§ ABOUT THIS TASK: Copy out all lines of the records in which the word "IFCRELCONTAINEDINSPATIALSTRUCTURE" appears.

* * * * * * * * *

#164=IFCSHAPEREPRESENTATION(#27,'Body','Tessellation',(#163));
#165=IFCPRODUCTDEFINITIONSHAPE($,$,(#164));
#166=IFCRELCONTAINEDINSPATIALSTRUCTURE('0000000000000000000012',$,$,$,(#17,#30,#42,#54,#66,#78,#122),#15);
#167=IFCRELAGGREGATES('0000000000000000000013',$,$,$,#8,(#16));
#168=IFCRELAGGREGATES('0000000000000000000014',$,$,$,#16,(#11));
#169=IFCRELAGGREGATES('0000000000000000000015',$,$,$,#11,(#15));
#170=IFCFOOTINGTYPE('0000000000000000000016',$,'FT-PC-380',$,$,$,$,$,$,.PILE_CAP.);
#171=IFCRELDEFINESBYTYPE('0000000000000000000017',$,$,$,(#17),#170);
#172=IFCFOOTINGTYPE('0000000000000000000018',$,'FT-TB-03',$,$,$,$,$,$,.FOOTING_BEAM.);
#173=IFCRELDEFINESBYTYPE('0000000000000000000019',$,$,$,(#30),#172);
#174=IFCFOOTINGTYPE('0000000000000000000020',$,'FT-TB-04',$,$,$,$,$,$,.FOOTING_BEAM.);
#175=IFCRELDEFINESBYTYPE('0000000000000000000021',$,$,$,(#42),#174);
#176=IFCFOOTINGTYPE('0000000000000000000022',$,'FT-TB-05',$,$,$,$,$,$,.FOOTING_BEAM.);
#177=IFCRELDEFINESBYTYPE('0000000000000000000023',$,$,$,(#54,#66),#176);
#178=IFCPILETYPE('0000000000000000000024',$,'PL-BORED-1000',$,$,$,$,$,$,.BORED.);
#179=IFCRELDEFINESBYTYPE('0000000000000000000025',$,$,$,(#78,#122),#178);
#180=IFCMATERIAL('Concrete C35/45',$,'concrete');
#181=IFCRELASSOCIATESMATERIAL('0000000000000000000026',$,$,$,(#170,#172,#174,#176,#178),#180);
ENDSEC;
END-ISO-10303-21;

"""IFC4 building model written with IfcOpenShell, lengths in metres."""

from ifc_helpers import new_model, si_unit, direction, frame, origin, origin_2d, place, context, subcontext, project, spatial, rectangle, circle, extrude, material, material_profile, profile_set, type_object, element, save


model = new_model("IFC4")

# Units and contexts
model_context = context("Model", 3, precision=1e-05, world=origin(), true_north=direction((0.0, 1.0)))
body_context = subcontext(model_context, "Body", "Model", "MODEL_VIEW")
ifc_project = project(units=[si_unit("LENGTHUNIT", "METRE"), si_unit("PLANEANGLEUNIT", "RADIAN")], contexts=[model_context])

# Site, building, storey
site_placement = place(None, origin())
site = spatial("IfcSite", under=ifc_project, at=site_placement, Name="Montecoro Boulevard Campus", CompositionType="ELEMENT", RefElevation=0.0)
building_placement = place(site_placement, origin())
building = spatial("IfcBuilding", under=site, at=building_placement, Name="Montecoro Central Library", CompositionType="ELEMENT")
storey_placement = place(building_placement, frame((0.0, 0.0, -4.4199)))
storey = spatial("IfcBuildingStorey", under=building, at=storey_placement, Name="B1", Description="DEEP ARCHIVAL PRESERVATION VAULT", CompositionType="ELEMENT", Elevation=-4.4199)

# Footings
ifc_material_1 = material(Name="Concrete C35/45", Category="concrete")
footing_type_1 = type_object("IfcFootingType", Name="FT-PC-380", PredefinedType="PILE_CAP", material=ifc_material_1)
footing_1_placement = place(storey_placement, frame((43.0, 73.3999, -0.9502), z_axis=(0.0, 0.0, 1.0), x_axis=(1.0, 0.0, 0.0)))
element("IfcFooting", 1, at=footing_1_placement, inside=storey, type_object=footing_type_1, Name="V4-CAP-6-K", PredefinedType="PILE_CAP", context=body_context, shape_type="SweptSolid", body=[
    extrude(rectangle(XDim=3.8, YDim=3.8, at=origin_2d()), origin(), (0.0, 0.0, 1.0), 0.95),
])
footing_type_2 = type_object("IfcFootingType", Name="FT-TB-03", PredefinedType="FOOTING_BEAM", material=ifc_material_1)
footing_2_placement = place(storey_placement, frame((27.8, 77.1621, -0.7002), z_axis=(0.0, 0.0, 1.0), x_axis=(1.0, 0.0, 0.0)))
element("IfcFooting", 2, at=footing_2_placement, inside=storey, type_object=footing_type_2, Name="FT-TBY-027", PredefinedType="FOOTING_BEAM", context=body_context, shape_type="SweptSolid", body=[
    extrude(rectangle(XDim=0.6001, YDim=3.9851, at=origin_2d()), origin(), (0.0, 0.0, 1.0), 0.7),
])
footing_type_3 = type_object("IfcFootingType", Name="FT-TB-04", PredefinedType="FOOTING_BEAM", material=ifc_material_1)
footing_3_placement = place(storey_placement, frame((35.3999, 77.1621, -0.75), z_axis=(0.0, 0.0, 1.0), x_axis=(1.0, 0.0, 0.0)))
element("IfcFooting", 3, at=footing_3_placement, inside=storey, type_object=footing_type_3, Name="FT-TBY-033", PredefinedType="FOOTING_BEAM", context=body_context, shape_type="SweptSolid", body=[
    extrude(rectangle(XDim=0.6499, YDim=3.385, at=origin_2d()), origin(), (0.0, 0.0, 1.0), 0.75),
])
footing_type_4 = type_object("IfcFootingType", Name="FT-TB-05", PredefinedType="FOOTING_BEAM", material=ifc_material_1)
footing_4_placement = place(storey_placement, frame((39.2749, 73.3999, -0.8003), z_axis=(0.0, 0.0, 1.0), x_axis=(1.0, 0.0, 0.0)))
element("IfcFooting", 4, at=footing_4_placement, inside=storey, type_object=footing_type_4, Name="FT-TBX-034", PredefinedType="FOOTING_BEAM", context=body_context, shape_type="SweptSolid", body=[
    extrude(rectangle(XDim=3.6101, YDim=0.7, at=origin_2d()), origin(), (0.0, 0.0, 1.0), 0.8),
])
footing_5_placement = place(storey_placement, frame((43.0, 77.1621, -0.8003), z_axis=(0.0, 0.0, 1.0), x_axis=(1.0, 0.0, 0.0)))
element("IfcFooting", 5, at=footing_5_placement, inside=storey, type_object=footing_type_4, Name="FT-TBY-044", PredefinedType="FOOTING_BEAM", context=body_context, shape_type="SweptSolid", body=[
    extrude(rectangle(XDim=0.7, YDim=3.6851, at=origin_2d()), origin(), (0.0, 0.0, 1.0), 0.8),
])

* * * * * * * * *

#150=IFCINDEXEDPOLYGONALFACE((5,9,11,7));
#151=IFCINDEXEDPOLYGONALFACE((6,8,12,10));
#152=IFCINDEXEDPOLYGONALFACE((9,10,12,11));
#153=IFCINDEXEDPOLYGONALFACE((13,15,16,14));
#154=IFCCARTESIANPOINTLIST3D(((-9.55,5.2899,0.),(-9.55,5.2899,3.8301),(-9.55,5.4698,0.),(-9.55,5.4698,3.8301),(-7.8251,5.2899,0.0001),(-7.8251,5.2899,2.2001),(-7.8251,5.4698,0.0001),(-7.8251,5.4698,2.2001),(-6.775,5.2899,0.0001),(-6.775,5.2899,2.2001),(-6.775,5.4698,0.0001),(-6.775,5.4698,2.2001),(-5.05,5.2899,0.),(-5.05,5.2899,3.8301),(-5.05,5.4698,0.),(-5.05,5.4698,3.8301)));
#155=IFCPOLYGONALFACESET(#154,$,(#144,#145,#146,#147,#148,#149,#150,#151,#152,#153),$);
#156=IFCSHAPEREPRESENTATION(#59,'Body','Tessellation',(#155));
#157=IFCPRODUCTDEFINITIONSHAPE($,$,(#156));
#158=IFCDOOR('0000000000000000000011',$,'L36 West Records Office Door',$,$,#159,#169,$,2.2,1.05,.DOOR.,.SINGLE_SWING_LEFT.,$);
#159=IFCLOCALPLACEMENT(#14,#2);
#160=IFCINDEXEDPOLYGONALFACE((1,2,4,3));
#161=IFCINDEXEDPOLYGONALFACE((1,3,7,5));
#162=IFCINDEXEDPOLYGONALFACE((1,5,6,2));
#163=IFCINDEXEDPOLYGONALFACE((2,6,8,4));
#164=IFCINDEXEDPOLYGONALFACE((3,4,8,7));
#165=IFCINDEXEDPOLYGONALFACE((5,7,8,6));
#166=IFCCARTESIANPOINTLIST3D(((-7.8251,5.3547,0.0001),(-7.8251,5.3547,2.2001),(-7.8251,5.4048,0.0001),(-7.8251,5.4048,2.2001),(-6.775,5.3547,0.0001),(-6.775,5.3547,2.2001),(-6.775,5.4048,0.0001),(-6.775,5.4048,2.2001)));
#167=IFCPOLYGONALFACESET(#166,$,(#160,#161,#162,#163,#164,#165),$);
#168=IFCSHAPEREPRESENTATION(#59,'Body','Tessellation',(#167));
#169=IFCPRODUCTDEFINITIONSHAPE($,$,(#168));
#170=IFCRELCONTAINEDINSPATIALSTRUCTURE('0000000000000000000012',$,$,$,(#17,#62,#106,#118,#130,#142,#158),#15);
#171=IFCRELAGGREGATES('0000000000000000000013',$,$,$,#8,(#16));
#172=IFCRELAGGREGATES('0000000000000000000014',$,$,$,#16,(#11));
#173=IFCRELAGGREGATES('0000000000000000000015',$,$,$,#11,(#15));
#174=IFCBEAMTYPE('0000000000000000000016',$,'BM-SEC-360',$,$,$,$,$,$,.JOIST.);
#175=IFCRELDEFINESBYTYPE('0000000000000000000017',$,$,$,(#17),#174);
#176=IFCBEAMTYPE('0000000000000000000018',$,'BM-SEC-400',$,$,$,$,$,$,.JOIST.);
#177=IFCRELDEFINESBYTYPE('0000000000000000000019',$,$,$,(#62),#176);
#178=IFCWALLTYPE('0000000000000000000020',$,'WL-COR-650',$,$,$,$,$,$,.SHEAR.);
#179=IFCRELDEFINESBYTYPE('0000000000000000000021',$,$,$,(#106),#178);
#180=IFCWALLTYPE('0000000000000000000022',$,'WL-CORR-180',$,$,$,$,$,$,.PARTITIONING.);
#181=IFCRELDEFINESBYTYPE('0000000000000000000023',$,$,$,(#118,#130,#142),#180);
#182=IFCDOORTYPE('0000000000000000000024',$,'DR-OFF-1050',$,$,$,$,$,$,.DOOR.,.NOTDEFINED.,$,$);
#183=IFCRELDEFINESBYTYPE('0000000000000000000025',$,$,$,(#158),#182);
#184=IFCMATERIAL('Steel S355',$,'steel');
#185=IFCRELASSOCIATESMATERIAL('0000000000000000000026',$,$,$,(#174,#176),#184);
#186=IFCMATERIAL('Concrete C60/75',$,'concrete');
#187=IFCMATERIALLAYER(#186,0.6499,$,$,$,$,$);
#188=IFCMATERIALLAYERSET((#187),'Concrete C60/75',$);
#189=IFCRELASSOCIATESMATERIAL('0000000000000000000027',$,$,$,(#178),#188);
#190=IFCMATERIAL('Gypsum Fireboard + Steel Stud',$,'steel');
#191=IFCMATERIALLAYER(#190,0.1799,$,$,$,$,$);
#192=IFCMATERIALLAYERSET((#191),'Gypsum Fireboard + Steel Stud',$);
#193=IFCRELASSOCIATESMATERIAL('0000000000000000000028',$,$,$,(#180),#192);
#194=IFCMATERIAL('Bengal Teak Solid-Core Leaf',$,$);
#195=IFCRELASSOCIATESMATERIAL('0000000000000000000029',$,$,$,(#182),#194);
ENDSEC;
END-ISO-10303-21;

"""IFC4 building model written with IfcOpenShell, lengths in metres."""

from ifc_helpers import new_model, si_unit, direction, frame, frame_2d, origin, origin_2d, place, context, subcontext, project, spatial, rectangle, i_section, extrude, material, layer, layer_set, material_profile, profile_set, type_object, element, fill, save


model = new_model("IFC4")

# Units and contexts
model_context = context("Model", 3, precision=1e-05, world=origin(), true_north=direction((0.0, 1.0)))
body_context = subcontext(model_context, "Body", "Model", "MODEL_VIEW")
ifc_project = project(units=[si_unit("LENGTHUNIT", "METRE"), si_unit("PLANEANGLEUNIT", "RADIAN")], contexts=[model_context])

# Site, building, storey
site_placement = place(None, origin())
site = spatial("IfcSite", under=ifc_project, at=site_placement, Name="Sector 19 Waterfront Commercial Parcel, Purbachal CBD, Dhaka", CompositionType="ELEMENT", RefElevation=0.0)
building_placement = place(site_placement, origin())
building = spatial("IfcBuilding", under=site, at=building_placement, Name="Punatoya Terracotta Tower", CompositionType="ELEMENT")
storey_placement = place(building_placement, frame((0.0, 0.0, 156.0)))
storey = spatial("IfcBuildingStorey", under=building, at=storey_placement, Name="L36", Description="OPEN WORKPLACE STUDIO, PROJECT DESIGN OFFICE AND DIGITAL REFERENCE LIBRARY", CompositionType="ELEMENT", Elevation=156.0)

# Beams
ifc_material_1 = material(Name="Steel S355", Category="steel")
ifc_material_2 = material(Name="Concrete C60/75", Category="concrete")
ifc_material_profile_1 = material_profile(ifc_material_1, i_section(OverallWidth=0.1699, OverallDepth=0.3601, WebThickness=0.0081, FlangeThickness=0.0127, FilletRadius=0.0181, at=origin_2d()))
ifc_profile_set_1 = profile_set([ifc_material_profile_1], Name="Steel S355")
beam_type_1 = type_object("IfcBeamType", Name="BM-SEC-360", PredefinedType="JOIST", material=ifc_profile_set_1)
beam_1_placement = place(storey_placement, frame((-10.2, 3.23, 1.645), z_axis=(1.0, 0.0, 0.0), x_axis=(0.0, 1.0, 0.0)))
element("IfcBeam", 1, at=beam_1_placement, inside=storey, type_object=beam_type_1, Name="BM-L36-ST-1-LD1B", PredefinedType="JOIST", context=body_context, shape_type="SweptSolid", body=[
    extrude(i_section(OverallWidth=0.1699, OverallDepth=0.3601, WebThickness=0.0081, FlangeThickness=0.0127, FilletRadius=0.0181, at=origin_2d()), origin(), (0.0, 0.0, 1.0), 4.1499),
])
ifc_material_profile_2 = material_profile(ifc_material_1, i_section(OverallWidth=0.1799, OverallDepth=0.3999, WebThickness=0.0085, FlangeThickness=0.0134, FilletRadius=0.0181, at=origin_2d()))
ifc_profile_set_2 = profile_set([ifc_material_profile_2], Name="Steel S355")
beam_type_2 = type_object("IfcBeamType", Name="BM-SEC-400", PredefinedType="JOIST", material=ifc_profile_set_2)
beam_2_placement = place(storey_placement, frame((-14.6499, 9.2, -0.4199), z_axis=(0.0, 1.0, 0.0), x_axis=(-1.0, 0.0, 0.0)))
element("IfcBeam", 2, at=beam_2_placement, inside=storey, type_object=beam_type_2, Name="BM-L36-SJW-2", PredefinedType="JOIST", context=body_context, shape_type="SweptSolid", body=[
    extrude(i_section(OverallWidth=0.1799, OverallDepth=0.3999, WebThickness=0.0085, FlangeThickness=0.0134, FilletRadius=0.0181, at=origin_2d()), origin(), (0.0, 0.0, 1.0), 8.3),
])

* * * * * * * * *

§ SOLUTION TO THE PROBLEM:
#166=IFCRELCONTAINEDINSPATIALSTRUCTURE('0000000000000000000012',$,$,$,(#17,#30,#42,#54,#66,#78,#122),#15);
#170=IFCRELCONTAINEDINSPATIALSTRUCTURE('0000000000000000000012',$,$,$,(#17,#62,#106,#118,#130,#142,#158),#15);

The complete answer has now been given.